Work task: Beneath this line are the data; copy exactly the part of them that opens with the line containing "#135=IFCRELAGGREGATES('0000000000000000000015',$,$,$,#8,(#16));" and closes with the line containing "building model written", and only that part.

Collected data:
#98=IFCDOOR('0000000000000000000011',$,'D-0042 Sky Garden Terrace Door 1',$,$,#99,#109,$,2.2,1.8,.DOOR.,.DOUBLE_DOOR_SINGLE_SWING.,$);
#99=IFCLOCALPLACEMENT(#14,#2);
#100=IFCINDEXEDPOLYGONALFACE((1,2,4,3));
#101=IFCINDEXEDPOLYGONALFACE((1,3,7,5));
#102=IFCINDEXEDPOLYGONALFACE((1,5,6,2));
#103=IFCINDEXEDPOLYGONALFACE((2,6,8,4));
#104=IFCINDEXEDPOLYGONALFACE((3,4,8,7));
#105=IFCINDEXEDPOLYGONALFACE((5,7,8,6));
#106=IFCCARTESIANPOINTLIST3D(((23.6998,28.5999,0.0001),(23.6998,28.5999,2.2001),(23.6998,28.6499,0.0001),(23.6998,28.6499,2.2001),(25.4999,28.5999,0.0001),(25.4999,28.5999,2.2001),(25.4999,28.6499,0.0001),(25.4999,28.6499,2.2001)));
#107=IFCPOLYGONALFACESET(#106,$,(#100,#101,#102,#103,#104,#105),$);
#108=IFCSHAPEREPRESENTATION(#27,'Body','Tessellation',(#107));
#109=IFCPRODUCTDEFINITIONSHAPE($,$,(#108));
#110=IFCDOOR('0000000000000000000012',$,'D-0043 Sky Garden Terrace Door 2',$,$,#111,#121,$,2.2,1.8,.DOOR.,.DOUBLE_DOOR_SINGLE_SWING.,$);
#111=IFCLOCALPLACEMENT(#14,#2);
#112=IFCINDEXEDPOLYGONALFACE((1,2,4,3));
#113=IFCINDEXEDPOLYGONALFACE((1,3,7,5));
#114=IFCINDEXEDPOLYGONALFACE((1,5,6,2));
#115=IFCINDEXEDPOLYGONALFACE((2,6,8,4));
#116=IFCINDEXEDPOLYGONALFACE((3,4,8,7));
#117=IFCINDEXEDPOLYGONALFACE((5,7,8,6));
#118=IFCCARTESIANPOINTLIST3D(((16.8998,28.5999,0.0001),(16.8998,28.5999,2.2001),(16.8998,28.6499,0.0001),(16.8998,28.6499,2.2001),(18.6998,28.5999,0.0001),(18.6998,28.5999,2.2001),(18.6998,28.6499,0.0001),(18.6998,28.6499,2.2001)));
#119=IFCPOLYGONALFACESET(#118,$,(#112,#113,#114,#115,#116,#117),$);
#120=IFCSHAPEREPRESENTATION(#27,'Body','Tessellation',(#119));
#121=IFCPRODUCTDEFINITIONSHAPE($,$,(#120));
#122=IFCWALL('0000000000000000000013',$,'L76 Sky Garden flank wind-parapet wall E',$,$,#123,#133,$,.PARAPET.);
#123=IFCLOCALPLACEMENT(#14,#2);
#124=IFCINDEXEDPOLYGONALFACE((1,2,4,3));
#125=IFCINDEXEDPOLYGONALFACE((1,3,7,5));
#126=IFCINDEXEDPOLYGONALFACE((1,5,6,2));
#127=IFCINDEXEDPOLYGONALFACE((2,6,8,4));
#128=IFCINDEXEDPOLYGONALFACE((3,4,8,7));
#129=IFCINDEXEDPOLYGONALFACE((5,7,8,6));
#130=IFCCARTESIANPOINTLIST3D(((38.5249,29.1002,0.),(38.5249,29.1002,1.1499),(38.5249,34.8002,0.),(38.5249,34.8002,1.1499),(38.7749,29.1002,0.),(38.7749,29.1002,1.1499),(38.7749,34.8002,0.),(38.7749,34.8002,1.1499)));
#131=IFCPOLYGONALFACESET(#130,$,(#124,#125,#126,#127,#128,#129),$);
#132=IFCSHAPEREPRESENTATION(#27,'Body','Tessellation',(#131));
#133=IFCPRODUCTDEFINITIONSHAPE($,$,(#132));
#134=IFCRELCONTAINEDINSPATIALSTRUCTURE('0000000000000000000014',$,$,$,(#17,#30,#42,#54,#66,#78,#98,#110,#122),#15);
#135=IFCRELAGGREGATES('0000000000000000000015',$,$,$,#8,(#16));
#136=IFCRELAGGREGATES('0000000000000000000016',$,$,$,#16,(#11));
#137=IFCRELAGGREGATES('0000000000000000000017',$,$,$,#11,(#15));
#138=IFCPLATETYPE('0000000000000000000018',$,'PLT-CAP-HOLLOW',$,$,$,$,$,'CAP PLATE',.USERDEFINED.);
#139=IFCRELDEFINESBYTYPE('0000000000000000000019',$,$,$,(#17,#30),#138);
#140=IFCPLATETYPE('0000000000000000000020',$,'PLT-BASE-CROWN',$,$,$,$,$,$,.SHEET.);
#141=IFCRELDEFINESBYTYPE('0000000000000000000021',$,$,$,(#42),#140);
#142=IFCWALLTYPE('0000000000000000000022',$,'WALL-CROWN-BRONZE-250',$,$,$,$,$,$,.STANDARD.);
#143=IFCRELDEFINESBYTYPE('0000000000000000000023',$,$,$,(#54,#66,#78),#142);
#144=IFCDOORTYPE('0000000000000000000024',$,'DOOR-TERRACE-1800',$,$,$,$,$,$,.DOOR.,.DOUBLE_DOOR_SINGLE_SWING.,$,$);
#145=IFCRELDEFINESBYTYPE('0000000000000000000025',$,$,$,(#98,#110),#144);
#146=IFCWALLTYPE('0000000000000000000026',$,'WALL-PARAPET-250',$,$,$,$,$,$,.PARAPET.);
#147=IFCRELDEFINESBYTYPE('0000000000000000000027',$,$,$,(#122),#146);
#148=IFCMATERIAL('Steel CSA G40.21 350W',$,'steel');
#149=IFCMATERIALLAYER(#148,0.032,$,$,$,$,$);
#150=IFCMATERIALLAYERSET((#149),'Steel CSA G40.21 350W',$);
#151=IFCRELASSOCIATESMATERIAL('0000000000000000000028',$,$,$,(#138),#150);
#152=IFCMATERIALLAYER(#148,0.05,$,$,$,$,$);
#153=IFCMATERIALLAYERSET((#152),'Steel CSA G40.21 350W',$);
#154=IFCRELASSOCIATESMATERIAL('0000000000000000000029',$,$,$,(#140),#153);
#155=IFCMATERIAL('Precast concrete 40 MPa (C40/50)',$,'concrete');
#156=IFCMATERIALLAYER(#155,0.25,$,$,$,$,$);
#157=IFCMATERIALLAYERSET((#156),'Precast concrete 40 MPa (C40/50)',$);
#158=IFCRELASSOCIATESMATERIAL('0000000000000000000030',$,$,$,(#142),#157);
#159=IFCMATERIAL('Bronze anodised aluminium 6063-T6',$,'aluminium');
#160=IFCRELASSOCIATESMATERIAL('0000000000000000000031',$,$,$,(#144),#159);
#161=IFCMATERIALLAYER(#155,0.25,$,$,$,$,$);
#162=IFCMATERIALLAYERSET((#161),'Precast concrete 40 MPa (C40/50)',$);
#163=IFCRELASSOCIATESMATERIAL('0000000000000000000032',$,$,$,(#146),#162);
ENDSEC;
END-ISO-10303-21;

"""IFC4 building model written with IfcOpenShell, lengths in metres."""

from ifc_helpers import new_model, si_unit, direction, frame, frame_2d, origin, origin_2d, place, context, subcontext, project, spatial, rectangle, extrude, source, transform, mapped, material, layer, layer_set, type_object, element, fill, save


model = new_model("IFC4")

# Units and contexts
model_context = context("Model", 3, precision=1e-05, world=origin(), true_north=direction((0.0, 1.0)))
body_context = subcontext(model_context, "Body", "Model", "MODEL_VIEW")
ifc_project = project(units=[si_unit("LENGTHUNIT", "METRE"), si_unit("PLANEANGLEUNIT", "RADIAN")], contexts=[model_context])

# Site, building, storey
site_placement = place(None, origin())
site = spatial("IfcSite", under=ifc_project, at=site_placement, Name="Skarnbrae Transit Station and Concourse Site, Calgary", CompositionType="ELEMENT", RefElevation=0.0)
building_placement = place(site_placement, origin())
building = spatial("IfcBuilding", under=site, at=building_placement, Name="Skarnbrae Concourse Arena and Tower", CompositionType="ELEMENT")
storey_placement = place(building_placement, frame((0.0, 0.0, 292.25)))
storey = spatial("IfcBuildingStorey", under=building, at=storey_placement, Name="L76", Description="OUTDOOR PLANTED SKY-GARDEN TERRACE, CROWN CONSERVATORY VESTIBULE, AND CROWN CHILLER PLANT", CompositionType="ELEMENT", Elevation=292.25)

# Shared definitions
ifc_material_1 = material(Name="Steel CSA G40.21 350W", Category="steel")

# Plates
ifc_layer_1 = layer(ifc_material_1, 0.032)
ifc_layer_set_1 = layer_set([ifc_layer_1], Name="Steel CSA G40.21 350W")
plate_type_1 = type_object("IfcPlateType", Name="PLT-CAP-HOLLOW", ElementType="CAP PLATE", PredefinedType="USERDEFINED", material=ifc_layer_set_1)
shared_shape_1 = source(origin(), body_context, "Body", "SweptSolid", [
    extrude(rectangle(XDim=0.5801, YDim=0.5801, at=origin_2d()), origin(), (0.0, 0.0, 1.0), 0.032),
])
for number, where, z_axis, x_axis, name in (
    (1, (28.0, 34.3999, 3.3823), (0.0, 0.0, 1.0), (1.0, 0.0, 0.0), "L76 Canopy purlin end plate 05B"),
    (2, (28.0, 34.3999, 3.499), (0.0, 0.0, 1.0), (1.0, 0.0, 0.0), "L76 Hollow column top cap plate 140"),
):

The answer:
#135=IFCRELAGGREGATES('0000000000000000000015',$,$,$,#8,(#16));
#136=IFCRELAGGREGATES('0000000000000000000016',$,$,$,#16,(#11));
#137=IFCRELAGGREGATES('0000000000000000000017',$,$,$,#11,(#15));
#138=IFCPLATETYPE('0000000000000000000018',$,'PLT-CAP-HOLLOW',$,$,$,$,$,'CAP PLATE',.USERDEFINED.);
#139=IFCRELDEFINESBYTYPE('0000000000000000000019',$,$,$,(#17,#30),#138);
#140=IFCPLATETYPE('0000000000000000000020',$,'PLT-BASE-CROWN',$,$,$,$,$,$,.SHEET.);
#141=IFCRELDEFINESBYTYPE('0000000000000000000021',$,$,$,(#42),#140);
#142=IFCWALLTYPE('0000000000000000000022',$,'WALL-CROWN-BRONZE-250',$,$,$,$,$,$,.STANDARD.);
#143=IFCRELDEFINESBYTYPE('0000000000000000000023',$,$,$,(#54,#66,#78),#142);
#144=IFCDOORTYPE('0000000000000000000024',$,'DOOR-TERRACE-1800',$,$,$,$,$,$,.DOOR.,.DOUBLE_DOOR_SINGLE_SWING.,$,$);
#145=IFCRELDEFINESBYTYPE('0000000000000000000025',$,$,$,(#98,#110),#144);
#146=IFCWALLTYPE('0000000000000000000026',$,'WALL-PARAPET-250',$,$,$,$,$,$,.PARAPET.);
#147=IFCRELDEFINESBYTYPE('0000000000000000000027',$,$,$,(#122),#146);
#148=IFCMATERIAL('Steel CSA G40.21 350W',$,'steel');
#149=IFCMATERIALLAYER(#148,0.032,$,$,$,$,$);
#150=IFCMATERIALLAYERSET((#149),'Steel CSA G40.21 350W',$);
#151=IFCRELASSOCIATESMATERIAL('0000000000000000000028',$,$,$,(#138),#150);
#152=IFCMATERIALLAYER(#148,0.05,$,$,$,$,$);
#153=IFCMATERIALLAYERSET((#152),'Steel CSA G40.21 350W',$);
#154=IFCRELASSOCIATESMATERIAL('0000000000000000000029',$,$,$,(#140),#153);
#155=IFCMATERIAL('Precast concrete 40 MPa (C40/50)',$,'concrete');
#156=IFCMATERIALLAYER(#155,0.25,$,$,$,$,$);
#157=IFCMATERIALLAYERSET((#156),'Precast concrete 40 MPa (C40/50)',$);
#158=IFCRELASSOCIATESMATERIAL('0000000000000000000030',$,$,$,(#142),#157);
#159=IFCMATERIAL('Bronze anodised aluminium 6063-T6',$,'aluminium');
#160=IFCRELASSOCIATESMATERIAL('0000000000000000000031',$,$,$,(#144),#159);
#161=IFCMATERIALLAYER(#155,0.25,$,$,$,$,$);
#162=IFCMATERIALLAYERSET((#161),'Precast concrete 40 MPa (C40/50)',$);
#163=IFCRELASSOCIATESMATERIAL('0000000000000000000032',$,$,$,(#146),#162);
ENDSEC;
END-ISO-10303-21;

"""IFC4 building model written with IfcOpenShell, lengths in metres."""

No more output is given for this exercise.